---------- Records to process ----------

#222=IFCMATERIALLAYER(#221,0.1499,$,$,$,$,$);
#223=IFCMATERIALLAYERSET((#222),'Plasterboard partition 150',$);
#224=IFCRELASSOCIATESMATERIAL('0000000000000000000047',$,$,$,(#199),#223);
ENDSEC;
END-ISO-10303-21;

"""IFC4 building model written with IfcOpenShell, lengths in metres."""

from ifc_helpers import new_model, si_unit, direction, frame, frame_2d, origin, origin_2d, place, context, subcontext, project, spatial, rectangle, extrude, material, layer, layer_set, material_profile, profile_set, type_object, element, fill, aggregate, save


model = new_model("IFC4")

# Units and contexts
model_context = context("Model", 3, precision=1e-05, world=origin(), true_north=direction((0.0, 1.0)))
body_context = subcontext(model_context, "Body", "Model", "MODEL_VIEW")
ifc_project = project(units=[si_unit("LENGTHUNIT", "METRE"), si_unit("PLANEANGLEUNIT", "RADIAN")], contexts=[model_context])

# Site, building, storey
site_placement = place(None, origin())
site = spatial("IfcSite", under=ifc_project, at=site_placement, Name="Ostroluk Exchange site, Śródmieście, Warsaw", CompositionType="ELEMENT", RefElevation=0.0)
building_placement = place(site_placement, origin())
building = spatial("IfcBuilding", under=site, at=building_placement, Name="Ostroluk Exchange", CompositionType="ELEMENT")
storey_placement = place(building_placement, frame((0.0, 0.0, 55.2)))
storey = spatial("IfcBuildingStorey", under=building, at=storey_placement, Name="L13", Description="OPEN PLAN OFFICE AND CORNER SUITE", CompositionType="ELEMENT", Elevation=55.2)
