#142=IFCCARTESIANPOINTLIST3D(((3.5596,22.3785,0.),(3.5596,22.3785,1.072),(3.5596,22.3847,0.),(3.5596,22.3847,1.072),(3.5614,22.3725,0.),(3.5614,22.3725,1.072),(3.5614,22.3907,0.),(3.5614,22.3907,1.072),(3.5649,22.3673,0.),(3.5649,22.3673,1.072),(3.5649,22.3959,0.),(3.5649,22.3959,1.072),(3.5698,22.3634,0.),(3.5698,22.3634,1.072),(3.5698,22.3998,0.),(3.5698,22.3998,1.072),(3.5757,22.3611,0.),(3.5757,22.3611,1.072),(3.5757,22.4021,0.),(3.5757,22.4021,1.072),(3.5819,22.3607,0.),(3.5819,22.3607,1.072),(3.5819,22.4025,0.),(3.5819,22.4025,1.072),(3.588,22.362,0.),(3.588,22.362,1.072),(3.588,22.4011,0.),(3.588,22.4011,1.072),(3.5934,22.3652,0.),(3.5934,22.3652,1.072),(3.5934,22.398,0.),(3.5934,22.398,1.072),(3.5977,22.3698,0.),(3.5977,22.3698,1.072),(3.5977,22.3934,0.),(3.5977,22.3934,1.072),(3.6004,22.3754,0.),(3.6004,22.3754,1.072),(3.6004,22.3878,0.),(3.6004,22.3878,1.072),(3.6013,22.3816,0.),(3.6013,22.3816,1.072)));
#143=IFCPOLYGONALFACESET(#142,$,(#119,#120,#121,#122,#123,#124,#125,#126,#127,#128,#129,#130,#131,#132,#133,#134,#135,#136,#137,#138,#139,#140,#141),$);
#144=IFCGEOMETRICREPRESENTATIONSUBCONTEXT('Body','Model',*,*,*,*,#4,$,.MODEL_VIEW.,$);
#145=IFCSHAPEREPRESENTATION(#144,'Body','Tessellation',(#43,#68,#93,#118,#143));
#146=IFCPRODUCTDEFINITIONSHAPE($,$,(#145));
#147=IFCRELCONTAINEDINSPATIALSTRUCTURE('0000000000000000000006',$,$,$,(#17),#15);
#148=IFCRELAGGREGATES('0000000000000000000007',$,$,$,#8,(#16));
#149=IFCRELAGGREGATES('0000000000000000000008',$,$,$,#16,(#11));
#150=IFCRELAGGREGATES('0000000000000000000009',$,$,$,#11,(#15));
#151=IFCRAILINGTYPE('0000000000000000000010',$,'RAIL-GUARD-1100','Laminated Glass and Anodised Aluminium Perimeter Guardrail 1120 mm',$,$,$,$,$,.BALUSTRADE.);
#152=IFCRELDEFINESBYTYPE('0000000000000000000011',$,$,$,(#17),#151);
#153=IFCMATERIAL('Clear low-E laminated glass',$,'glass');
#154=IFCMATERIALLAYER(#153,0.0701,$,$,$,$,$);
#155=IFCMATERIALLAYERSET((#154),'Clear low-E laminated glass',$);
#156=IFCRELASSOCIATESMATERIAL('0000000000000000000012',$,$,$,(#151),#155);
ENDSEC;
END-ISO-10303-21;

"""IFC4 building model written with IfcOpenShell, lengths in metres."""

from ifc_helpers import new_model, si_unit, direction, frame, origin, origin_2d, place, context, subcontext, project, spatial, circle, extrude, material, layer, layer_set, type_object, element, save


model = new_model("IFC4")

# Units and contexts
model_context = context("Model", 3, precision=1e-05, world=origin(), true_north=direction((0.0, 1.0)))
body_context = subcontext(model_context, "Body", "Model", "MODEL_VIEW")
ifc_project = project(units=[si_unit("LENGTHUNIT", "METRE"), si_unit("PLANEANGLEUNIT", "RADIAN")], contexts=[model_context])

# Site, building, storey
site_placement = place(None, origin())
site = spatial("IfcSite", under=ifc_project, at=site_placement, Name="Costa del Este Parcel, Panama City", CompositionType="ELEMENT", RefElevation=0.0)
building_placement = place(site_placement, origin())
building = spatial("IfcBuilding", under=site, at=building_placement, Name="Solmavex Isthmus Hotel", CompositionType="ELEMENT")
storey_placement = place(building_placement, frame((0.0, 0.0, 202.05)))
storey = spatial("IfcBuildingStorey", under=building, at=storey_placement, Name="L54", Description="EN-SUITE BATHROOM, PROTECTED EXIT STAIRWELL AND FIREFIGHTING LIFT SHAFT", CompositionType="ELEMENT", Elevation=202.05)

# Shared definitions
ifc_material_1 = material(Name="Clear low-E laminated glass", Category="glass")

----------

_Problem_:
All lines from the beginning of the entries through the line marked "PLAN OFFICE AND" are to be output exactly; nothing else belongs in the answer.

_Answer section_:
#222=IFCMATERIALLAYER(#221,0.1499,$,$,$,$,$);
#223=IFCMATERIALLAYERSET((#222),'Plasterboard partition 150',$);
#224=IFCRELASSOCIATESMATERIAL('0000000000000000000047',$,$,$,(#199),#223);
ENDSEC;
END-ISO-10303-21;

"""IFC4 building model written with IfcOpenShell, lengths in metres."""

from ifc_helpers import new_model, si_unit, direction, frame, frame_2d, origin, origin_2d, place, context, subcontext, project, spatial, rectangle, extrude, material, layer, layer_set, material_profile, profile_set, type_object, element, fill, aggregate, save


model = new_model("IFC4")

# Units and contexts
model_context = context("Model", 3, precision=1e-05, world=origin(), true_north=direction((0.0, 1.0)))
body_context = subcontext(model_context, "Body", "Model", "MODEL_VIEW")
ifc_project = project(units=[si_unit("LENGTHUNIT", "METRE"), si_unit("PLANEANGLEUNIT", "RADIAN")], contexts=[model_context])

# Site, building, storey
site_placement = place(None, origin())
site = spatial("IfcSite", under=ifc_project, at=site_placement, Name="Ostroluk Exchange site, Śródmieście, Warsaw", CompositionType="ELEMENT", RefElevation=0.0)
building_placement = place(site_placement, origin())
building = spatial("IfcBuilding", under=site, at=building_placement, Name="Ostroluk Exchange", CompositionType="ELEMENT")
storey_placement = place(building_placement, frame((0.0, 0.0, 55.2)))
storey = spatial("IfcBuildingStorey", under=building, at=storey_placement, Name="L13", Description="OPEN PLAN OFFICE AND CORNER SUITE", CompositionType="ELEMENT", Elevation=55.2)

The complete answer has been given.